[Saved data entries]
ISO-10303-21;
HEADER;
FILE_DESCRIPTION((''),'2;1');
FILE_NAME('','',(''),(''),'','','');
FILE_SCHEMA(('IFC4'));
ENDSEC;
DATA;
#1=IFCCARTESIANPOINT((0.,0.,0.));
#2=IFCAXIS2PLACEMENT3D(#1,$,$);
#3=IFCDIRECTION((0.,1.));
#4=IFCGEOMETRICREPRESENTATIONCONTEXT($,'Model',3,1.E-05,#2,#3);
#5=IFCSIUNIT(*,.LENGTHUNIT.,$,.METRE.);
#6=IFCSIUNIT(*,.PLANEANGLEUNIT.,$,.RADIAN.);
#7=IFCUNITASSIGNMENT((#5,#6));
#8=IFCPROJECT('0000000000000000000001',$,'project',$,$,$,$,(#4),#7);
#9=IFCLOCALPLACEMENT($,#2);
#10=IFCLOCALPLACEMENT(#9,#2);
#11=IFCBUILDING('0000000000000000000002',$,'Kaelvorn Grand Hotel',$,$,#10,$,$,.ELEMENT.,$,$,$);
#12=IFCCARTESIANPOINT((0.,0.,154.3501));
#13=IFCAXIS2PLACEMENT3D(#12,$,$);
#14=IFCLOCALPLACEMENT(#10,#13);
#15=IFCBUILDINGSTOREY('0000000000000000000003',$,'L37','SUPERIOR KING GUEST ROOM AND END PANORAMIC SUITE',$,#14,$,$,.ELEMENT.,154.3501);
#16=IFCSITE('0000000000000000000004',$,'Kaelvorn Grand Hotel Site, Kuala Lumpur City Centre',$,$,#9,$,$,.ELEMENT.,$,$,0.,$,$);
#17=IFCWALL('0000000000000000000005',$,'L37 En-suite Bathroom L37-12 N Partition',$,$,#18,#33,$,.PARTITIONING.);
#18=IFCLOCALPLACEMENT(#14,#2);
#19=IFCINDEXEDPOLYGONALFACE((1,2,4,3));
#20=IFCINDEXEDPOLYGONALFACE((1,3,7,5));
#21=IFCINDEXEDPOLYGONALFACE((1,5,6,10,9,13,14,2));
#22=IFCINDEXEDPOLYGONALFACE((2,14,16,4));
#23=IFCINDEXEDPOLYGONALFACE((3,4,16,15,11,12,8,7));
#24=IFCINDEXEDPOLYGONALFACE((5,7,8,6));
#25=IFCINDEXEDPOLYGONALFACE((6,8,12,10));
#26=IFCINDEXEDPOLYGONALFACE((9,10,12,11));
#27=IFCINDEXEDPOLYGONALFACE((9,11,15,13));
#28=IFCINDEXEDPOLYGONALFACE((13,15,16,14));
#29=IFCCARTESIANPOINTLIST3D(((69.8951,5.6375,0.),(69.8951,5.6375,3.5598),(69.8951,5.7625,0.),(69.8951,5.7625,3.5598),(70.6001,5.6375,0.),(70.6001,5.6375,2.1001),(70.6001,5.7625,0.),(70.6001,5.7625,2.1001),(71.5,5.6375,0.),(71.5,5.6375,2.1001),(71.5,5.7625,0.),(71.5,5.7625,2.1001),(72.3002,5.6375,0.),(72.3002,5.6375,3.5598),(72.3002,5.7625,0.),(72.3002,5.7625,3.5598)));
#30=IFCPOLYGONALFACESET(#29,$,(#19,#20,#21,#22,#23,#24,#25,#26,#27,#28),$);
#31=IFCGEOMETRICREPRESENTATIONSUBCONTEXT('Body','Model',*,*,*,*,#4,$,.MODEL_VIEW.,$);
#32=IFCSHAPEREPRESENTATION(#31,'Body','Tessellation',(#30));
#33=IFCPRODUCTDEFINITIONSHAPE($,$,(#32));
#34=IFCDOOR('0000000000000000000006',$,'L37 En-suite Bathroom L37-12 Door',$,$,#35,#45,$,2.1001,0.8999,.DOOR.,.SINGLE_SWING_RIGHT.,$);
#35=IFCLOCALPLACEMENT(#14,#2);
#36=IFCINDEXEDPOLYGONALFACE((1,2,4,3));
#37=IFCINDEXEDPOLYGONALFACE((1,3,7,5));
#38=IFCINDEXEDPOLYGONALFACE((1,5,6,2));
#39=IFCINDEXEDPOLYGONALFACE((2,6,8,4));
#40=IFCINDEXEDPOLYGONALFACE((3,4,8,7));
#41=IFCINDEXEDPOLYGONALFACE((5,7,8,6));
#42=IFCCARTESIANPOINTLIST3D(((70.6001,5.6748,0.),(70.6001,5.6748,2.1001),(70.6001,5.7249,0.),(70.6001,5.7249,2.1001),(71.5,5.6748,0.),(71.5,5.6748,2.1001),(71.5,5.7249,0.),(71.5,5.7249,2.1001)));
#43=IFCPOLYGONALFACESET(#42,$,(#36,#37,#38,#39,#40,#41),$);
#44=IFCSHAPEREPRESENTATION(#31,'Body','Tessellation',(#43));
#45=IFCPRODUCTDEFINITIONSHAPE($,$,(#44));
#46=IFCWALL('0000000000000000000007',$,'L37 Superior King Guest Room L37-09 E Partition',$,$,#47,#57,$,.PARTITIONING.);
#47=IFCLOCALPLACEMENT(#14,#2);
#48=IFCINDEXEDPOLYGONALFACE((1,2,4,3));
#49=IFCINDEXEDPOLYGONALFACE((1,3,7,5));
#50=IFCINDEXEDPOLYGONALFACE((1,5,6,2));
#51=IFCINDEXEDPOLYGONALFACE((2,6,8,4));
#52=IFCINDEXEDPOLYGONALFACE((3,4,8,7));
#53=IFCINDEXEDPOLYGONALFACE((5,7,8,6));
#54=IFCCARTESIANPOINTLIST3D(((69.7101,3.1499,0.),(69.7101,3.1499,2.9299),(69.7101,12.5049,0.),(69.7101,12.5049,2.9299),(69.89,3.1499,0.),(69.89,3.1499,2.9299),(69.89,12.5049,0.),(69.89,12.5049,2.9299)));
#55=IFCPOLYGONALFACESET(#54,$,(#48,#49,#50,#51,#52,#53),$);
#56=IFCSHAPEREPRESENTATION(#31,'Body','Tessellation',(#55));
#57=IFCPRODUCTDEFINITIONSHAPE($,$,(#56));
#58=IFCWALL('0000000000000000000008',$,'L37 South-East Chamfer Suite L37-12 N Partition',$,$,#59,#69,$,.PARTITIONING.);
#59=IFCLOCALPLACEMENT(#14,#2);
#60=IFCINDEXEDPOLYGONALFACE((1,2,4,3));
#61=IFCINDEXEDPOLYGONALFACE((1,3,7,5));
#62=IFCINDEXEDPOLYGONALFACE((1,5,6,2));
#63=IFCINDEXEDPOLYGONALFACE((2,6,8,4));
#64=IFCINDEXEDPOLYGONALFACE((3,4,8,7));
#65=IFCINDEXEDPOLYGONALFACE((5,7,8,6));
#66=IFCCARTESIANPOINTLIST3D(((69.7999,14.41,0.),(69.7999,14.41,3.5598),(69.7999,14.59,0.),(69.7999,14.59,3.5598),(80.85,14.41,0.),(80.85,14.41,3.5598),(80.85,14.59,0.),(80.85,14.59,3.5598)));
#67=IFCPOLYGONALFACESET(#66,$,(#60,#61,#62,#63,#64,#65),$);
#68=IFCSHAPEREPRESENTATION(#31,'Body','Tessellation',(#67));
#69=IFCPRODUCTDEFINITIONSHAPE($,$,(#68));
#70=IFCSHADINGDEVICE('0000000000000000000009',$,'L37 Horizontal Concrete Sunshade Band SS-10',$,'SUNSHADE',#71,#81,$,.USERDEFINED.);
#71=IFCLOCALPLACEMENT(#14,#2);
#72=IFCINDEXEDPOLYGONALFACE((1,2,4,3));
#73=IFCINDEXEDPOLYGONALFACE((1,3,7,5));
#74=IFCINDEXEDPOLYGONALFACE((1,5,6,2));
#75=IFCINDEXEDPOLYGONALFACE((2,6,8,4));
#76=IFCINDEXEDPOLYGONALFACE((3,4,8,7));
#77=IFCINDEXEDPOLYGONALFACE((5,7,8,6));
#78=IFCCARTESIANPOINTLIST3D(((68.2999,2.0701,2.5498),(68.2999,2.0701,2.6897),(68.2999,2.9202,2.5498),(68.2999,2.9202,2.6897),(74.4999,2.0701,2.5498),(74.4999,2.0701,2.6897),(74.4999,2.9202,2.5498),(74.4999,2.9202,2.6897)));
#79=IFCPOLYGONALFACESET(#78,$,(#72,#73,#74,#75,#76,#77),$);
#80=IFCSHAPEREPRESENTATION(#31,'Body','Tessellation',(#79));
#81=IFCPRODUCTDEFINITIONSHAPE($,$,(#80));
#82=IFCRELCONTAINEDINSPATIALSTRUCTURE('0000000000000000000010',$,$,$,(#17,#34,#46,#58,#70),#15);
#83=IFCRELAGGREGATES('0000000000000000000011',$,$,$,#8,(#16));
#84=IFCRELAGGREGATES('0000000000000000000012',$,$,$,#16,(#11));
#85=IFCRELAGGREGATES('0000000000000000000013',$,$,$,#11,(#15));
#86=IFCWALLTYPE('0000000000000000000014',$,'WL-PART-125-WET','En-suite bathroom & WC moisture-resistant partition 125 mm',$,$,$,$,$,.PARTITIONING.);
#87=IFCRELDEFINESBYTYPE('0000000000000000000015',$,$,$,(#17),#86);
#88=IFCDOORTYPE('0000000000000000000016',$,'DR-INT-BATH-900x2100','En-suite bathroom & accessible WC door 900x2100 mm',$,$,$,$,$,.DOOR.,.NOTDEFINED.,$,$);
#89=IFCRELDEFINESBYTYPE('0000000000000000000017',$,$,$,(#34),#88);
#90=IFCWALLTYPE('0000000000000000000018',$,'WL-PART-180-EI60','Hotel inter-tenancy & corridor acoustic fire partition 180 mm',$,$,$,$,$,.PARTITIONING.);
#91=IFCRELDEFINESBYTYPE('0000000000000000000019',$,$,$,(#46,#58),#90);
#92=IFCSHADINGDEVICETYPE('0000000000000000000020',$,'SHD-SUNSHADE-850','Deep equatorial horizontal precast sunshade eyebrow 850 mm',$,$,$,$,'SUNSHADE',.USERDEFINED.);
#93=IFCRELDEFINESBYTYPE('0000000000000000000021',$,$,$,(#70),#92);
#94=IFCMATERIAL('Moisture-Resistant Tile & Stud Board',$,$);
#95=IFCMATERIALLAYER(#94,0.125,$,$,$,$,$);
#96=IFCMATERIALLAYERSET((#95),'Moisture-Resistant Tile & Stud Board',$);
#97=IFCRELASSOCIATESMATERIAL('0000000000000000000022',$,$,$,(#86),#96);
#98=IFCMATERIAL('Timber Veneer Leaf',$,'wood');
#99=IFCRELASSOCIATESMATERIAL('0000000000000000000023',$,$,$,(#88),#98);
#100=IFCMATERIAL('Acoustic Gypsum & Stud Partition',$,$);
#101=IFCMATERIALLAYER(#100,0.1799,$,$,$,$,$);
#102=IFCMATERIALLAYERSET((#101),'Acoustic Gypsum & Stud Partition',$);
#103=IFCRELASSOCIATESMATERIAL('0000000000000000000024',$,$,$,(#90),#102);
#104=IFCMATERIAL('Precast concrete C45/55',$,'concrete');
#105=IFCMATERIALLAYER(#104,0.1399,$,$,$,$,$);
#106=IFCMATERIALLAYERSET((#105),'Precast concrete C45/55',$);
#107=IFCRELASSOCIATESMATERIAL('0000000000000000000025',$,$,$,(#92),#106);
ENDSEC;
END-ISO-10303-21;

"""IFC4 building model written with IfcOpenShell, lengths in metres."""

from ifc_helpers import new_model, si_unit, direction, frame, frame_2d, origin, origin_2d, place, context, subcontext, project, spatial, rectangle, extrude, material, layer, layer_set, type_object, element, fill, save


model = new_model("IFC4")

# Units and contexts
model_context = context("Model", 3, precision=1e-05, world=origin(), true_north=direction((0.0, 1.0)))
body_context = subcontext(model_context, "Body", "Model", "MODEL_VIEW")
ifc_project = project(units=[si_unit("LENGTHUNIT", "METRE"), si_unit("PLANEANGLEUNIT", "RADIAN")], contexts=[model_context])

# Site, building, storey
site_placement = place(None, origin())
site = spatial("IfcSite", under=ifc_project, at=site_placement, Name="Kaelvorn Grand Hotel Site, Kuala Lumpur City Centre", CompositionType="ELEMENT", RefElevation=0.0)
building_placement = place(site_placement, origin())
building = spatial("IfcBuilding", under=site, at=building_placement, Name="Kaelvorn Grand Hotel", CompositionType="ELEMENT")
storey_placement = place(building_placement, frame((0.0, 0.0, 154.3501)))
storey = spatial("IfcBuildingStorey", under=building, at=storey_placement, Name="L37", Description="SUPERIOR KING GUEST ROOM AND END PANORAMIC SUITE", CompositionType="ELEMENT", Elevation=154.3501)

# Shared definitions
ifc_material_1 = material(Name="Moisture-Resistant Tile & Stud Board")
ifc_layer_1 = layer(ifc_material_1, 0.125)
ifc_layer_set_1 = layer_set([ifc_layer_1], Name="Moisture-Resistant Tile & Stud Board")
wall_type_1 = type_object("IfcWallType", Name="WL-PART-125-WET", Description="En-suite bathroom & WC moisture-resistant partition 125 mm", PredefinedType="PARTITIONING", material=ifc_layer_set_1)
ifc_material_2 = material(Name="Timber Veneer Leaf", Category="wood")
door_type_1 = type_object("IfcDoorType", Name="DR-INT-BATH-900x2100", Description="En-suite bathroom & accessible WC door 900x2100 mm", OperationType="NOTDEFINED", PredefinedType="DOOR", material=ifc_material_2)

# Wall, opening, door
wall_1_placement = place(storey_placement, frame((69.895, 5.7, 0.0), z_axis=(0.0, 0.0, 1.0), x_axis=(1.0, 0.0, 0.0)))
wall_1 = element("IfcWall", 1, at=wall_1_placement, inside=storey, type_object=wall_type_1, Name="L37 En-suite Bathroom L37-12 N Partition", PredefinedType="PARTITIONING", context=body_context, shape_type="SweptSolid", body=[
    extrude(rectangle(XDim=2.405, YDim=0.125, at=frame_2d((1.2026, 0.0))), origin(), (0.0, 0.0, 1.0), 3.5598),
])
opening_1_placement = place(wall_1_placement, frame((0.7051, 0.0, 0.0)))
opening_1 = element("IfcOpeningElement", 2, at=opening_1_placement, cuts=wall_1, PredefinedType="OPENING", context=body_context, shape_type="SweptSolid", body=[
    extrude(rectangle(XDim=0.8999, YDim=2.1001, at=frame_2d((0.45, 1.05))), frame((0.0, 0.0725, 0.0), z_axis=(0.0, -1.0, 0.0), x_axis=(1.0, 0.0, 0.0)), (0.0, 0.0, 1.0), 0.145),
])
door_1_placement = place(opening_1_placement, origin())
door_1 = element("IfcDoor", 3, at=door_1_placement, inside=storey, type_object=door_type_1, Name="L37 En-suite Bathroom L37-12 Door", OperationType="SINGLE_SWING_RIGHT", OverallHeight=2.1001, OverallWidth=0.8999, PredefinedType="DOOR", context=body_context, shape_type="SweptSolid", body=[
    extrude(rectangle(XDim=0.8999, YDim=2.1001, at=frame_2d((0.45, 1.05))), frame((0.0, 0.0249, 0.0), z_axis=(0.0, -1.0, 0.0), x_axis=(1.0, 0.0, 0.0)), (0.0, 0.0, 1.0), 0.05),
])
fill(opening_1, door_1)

--

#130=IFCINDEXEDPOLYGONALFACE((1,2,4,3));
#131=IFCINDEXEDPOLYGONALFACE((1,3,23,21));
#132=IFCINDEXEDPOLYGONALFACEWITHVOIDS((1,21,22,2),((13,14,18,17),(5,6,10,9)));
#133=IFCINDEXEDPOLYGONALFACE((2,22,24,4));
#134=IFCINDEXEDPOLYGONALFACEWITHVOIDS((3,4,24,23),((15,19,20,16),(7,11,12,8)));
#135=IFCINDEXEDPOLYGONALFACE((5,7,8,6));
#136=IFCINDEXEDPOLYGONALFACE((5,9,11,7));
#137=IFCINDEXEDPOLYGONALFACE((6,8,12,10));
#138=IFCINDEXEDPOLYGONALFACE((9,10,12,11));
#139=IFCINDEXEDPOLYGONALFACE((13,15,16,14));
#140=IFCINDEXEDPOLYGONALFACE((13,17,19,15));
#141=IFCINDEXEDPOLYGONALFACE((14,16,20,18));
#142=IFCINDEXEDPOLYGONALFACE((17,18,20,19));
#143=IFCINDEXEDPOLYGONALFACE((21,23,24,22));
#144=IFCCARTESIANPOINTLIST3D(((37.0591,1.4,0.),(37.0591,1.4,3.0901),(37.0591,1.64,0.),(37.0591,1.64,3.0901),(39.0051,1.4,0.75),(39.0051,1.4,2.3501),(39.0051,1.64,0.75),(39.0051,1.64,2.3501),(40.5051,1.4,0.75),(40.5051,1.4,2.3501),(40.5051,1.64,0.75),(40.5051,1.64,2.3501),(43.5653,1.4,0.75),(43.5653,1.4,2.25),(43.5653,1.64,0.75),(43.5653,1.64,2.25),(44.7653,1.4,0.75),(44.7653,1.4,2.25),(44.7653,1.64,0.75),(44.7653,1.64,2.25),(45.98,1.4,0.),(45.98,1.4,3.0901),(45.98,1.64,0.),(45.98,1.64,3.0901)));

• What the task asks
Both the line containing "#47=IFCLOCALPLACEMENT(#14,#2);" and the line containing "#53=IFCINDEXEDPOLYGONALFACE((5,7,8,6));" belong in the answer. Print them and every line above that falls between them exactly, and no others.

• Answer space
#47=IFCLOCALPLACEMENT(#14,#2);
#48=IFCINDEXEDPOLYGONALFACE((1,2,4,3));
#49=IFCINDEXEDPOLYGONALFACE((1,3,7,5));
#50=IFCINDEXEDPOLYGONALFACE((1,5,6,2));
#51=IFCINDEXEDPOLYGONALFACE((2,6,8,4));
#52=IFCINDEXEDPOLYGONALFACE((3,4,8,7));
#53=IFCINDEXEDPOLYGONALFACE((5,7,8,6));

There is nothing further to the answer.